Repeat the records below exactly, beginning at the first line and finishing with the line that contains "#161=IFCRELAGGREGATES('0000000000000000000017',$,$,$,#11,(#15));".

Stored items
======
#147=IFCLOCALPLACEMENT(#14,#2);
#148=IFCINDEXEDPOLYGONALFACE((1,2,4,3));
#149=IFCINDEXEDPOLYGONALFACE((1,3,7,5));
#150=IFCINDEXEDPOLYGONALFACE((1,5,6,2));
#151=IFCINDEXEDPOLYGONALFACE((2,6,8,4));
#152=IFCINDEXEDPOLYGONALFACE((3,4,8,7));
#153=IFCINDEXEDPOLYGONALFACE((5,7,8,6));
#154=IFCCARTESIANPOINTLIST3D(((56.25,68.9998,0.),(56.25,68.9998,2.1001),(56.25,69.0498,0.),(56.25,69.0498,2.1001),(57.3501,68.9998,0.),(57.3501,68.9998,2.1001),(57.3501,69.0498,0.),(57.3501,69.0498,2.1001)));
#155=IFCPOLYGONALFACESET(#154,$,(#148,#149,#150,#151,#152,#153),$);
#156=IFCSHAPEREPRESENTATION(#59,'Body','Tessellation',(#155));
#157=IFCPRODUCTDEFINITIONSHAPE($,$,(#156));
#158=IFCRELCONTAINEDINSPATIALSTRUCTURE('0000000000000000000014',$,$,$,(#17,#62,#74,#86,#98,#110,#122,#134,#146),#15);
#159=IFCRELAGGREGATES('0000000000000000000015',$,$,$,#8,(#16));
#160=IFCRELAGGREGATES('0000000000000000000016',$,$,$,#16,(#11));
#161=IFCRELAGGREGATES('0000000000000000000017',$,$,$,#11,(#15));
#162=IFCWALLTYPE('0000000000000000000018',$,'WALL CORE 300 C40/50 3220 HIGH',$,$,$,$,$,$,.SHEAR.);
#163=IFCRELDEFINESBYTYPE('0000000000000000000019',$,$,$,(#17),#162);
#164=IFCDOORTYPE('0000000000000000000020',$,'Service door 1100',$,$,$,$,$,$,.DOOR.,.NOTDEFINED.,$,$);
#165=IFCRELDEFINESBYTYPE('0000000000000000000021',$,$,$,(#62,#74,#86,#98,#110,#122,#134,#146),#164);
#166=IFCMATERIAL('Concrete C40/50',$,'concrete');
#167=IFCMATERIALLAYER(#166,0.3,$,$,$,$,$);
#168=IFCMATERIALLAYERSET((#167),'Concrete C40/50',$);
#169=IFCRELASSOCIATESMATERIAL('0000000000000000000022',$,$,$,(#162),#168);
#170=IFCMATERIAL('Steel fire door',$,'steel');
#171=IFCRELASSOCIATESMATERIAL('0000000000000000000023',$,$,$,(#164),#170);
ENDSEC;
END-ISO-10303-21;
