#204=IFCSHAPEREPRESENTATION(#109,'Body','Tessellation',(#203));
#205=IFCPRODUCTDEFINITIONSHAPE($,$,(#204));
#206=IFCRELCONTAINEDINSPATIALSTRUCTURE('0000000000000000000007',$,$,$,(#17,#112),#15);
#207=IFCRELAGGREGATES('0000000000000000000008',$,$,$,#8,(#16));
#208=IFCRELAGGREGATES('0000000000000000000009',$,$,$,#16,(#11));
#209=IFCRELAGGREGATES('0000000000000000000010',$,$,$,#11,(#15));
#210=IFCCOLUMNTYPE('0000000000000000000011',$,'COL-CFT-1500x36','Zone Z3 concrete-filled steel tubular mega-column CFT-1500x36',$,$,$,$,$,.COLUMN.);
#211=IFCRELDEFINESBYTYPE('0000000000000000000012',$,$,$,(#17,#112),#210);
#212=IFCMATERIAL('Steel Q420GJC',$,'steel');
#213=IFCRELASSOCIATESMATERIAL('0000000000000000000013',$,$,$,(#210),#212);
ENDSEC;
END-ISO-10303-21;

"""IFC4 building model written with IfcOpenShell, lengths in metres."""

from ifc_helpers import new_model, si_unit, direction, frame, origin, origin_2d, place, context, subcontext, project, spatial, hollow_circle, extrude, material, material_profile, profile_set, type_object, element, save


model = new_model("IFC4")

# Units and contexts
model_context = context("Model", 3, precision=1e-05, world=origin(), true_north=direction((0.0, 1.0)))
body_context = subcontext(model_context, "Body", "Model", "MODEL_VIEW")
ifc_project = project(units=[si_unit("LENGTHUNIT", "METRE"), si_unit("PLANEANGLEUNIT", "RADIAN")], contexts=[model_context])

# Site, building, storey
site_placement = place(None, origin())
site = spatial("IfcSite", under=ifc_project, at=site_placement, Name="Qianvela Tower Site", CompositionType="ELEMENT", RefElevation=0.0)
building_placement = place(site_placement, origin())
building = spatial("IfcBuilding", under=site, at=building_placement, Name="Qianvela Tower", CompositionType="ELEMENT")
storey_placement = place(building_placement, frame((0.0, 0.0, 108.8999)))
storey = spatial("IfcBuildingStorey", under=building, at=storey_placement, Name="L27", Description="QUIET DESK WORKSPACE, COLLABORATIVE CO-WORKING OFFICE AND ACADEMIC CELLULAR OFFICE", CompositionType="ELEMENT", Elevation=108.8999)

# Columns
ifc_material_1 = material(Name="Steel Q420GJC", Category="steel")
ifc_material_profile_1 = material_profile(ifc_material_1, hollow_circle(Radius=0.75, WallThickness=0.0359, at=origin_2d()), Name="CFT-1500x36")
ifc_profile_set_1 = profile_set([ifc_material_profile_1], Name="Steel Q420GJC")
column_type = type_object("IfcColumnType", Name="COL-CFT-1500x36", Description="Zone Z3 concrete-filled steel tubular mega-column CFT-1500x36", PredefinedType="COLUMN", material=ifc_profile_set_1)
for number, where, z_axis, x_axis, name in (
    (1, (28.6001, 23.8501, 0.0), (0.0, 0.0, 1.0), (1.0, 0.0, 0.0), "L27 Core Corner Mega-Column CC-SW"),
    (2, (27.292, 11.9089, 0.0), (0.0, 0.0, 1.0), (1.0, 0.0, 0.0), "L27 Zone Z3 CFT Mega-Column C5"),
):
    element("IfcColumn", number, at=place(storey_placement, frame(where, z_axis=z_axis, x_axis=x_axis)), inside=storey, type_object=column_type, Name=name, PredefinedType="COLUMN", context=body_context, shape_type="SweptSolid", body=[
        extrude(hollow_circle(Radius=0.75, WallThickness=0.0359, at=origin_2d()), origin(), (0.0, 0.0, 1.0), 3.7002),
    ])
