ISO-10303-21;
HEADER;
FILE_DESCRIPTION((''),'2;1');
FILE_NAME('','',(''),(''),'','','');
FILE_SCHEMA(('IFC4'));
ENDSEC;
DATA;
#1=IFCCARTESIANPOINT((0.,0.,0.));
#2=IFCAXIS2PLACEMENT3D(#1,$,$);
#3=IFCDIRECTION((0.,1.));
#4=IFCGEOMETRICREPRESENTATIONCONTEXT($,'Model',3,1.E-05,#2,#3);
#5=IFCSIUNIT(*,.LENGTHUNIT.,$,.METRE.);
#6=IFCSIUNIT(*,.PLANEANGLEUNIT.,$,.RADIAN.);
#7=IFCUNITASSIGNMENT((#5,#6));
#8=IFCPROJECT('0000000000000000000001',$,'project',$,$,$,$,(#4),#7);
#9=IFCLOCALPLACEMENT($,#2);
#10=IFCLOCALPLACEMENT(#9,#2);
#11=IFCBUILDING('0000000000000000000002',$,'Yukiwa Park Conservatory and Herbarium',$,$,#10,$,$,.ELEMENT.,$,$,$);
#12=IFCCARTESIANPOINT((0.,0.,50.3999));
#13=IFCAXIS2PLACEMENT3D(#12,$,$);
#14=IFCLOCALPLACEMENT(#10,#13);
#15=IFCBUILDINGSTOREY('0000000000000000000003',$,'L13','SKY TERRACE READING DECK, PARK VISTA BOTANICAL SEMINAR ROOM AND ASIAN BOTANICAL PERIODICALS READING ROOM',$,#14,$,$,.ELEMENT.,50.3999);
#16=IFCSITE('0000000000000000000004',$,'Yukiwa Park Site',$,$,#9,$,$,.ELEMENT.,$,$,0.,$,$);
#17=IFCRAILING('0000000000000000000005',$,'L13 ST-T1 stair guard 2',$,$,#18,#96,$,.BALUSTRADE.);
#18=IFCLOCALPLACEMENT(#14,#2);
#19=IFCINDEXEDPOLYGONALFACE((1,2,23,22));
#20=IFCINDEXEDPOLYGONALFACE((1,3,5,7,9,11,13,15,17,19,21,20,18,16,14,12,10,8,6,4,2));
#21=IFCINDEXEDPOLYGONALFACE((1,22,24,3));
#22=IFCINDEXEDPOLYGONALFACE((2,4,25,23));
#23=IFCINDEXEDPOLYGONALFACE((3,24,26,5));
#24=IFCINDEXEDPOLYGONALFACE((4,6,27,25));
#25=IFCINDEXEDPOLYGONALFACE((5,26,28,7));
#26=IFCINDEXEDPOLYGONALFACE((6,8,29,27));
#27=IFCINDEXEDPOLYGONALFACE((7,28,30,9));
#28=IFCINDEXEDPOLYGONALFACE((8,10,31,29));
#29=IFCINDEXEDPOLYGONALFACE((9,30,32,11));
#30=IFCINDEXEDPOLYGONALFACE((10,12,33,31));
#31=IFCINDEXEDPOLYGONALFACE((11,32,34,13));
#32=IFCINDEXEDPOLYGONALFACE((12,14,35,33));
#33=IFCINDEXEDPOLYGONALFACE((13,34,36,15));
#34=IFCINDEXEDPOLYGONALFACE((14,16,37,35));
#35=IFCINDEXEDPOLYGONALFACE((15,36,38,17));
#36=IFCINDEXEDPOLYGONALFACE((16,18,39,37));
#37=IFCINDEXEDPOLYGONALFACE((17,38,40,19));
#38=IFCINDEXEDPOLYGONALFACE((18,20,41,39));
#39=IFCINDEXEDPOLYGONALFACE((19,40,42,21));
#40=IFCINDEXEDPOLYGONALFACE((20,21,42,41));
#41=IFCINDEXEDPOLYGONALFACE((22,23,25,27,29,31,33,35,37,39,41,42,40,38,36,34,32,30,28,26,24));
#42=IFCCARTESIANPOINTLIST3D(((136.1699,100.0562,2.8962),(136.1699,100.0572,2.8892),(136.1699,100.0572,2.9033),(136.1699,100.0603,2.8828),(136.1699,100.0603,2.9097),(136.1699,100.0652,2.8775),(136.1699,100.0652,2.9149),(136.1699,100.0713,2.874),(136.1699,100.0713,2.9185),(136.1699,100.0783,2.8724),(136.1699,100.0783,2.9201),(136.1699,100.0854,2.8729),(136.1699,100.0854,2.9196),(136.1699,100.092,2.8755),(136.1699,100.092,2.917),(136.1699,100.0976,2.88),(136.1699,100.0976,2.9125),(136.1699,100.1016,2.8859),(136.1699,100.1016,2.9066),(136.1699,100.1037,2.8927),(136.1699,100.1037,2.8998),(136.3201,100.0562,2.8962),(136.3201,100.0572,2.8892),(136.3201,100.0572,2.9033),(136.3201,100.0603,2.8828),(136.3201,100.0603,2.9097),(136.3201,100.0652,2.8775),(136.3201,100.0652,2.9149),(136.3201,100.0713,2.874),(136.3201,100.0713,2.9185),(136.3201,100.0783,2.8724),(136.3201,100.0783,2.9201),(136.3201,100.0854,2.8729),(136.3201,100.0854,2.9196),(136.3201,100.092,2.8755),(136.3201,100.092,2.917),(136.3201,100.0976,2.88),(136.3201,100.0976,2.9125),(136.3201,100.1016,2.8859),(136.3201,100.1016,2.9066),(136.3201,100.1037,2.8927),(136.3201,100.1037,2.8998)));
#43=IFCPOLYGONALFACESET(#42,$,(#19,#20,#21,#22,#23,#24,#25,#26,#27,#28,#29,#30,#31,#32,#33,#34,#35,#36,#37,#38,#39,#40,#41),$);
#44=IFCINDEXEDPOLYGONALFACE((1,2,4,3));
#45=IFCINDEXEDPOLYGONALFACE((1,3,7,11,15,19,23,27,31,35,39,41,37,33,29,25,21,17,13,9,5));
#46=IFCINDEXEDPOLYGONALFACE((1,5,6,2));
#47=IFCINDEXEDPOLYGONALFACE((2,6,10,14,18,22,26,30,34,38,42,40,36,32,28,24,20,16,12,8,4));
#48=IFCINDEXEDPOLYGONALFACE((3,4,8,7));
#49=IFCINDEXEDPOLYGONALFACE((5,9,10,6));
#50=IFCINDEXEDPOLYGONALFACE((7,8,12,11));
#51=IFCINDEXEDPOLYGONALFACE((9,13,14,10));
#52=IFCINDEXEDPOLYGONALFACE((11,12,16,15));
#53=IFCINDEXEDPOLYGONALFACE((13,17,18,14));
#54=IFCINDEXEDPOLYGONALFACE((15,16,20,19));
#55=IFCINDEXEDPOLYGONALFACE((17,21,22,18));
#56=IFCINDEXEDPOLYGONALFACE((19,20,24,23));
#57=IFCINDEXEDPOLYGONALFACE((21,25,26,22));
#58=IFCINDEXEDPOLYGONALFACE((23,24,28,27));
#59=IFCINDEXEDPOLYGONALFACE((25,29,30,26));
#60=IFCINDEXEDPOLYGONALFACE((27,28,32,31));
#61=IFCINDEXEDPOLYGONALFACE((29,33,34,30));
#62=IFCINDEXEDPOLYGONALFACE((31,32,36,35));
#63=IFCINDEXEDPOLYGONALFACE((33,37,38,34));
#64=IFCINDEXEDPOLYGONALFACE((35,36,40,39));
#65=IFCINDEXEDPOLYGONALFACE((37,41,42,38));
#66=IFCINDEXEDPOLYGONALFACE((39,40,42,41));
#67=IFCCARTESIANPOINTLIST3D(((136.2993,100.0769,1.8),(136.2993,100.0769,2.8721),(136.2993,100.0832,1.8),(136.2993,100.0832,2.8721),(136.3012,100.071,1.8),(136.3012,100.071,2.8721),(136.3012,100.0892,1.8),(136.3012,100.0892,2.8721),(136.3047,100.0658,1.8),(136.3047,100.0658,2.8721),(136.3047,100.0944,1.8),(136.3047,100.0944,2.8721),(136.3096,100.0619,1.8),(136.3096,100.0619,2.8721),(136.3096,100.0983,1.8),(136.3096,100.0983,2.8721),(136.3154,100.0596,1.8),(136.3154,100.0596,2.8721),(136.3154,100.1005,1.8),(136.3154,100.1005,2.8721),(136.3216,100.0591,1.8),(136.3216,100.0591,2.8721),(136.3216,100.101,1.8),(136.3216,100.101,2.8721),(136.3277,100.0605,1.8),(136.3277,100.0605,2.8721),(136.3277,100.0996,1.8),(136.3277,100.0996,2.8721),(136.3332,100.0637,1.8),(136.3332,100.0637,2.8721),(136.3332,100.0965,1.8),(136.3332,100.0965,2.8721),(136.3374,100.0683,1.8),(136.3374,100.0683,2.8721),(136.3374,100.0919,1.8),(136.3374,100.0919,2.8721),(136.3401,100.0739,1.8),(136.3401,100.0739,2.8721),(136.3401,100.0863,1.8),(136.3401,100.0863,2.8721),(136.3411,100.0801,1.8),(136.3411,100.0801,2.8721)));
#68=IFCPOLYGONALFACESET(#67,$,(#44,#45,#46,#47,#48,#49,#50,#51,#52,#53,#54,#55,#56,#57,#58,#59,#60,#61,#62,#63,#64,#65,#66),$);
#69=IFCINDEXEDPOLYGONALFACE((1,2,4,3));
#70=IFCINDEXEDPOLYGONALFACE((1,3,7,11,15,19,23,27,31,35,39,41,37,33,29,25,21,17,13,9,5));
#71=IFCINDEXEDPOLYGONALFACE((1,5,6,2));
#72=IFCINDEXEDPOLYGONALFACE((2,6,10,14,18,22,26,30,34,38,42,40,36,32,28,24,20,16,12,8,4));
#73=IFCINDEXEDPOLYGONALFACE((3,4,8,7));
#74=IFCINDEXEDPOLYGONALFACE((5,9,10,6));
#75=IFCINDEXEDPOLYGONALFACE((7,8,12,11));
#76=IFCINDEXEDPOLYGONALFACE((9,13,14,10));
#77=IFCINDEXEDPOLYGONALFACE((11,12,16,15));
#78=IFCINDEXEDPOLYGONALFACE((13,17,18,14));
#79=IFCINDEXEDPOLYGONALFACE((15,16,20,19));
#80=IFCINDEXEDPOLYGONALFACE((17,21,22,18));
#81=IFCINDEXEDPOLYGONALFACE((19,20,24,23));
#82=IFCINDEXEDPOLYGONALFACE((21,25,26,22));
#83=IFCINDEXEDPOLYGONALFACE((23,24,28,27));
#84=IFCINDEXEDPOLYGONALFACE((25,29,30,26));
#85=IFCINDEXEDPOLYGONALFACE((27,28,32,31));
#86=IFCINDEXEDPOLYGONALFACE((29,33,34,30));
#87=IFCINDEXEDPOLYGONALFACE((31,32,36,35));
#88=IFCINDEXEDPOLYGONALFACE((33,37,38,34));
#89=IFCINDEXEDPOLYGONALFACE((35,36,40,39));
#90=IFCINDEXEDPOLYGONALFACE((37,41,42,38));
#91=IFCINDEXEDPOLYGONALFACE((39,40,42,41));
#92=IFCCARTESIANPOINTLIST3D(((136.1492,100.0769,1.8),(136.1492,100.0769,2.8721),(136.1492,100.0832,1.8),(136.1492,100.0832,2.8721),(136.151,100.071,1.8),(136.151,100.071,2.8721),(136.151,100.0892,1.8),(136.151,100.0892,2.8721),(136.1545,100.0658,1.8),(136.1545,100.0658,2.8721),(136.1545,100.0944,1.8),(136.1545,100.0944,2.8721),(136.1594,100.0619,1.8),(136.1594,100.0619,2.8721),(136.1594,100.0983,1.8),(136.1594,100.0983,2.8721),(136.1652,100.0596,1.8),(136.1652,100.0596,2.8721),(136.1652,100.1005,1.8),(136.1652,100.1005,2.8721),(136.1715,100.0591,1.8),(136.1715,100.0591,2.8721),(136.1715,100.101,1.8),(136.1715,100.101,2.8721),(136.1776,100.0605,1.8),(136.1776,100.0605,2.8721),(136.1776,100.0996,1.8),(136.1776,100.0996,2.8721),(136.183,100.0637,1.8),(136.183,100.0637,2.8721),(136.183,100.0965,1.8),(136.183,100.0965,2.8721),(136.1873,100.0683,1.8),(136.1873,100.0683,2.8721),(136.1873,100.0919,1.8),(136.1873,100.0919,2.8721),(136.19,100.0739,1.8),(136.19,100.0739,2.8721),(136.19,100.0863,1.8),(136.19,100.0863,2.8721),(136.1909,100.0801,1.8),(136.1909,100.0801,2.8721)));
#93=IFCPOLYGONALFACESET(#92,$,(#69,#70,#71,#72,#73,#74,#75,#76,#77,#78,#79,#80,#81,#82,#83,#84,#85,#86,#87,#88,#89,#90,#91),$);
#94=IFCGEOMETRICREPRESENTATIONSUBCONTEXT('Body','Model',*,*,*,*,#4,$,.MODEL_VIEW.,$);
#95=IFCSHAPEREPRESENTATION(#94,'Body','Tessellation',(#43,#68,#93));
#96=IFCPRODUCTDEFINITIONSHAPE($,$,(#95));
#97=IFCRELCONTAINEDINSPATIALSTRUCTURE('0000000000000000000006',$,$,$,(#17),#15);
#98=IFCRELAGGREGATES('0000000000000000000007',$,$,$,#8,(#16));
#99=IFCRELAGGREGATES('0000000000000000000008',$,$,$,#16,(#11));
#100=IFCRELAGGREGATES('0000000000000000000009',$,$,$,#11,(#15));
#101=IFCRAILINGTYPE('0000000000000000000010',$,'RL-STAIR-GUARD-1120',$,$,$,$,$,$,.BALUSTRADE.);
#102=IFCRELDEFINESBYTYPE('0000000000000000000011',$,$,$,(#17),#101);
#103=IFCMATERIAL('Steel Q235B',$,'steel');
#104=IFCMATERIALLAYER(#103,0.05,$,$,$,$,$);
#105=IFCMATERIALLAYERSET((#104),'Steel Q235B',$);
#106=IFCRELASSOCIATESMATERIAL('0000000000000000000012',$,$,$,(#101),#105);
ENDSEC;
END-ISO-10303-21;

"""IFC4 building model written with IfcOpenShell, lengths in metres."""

from ifc_helpers import new_model, si_unit, direction, frame, origin, origin_2d, place, context, subcontext, project, spatial, circle, extrude, material, layer, layer_set, type_object, element, save


model = new_model("IFC4")

# Units and contexts
model_context = context("Model", 3, precision=1e-05, world=origin(), true_north=direction((0.0, 1.0)))
body_context = subcontext(model_context, "Body", "Model", "MODEL_VIEW")
ifc_project = project(units=[si_unit("LENGTHUNIT", "METRE"), si_unit("PLANEANGLEUNIT", "RADIAN")], contexts=[model_context])

# Site, building, storey
site_placement = place(None, origin())
site = spatial("IfcSite", under=ifc_project, at=site_placement, Name="Yukiwa Park Site", CompositionType="ELEMENT", RefElevation=0.0)
building_placement = place(site_placement, origin())
building = spatial("IfcBuilding", under=site, at=building_placement, Name="Yukiwa Park Conservatory and Herbarium", CompositionType="ELEMENT")
storey_placement = place(building_placement, frame((0.0, 0.0, 50.3999)))
storey = spatial("IfcBuildingStorey", under=building, at=storey_placement, Name="L13", Description="SKY TERRACE READING DECK, PARK VISTA BOTANICAL SEMINAR ROOM AND ASIAN BOTANICAL PERIODICALS READING ROOM", CompositionType="ELEMENT", Elevation=50.3999)

# Railing
ifc_material_1 = material(Name="Steel Q235B", Category="steel")
ifc_layer_1 = layer(ifc_material_1, 0.05)
ifc_layer_set_1 = layer_set([ifc_layer_1], Name="Steel Q235B")
railing_type_1 = type_object("IfcRailingType", Name="RL-STAIR-GUARD-1120", PredefinedType="BALUSTRADE", material=ifc_layer_set_1)
railing_1_placement = place(storey_placement, frame((136.3201, 100.0801, 1.8)))
element("IfcRailing", 1, at=railing_1_placement, inside=storey, type_object=railing_type_1, Name="L13 ST-T1 stair guard 2", PredefinedType="BALUSTRADE", context=body_context, shape_type="SweptSolid", body=[
    extrude(circle(Radius=0.0239, at=origin_2d()), frame((0.0, 0.0, 1.0962), z_axis=(-1.0, 0.0, 0.0), x_axis=(0.0, -1.0, 0.0)), (0.0, 0.0, 1.0), 0.1501),
    extrude(circle(Radius=0.021, at=origin_2d()), origin(), (0.0, 0.0, 1.0), 1.072),
    extrude(circle(Radius=0.021, at=origin_2d()), frame((-0.1501, 0.0, 0.0)), (0.0, 0.0, 1.0), 1.072),
])

save(model, "model.ifc")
======
Answer space
#147=IFCLOCALPLACEMENT(#14,#2);
#148=IFCINDEXEDPOLYGONALFACE((1,2,4,3));
#149=IFCINDEXEDPOLYGONALFACE((1,3,7,5));
#150=IFCINDEXEDPOLYGONALFACE((1,5,6,2));
#151=IFCINDEXEDPOLYGONALFACE((2,6,8,4));
#152=IFCINDEXEDPOLYGONALFACE((3,4,8,7));
#153=IFCINDEXEDPOLYGONALFACE((5,7,8,6));
#154=IFCCARTESIANPOINTLIST3D(((56.25,68.9998,0.),(56.25,68.9998,2.1001),(56.25,69.0498,0.),(56.25,69.0498,2.1001),(57.3501,68.9998,0.),(57.3501,68.9998,2.1001),(57.3501,69.0498,0.),(57.3501,69.0498,2.1001)));
#155=IFCPOLYGONALFACESET(#154,$,(#148,#149,#150,#151,#152,#153),$);
#156=IFCSHAPEREPRESENTATION(#59,'Body','Tessellation',(#155));
#157=IFCPRODUCTDEFINITIONSHAPE($,$,(#156));
#158=IFCRELCONTAINEDINSPATIALSTRUCTURE('0000000000000000000014',$,$,$,(#17,#62,#74,#86,#98,#110,#122,#134,#146),#15);
#159=IFCRELAGGREGATES('0000000000000000000015',$,$,$,#8,(#16));
#160=IFCRELAGGREGATES('0000000000000000000016',$,$,$,#16,(#11));
#161=IFCRELAGGREGATES('0000000000000000000017',$,$,$,#11,(#15));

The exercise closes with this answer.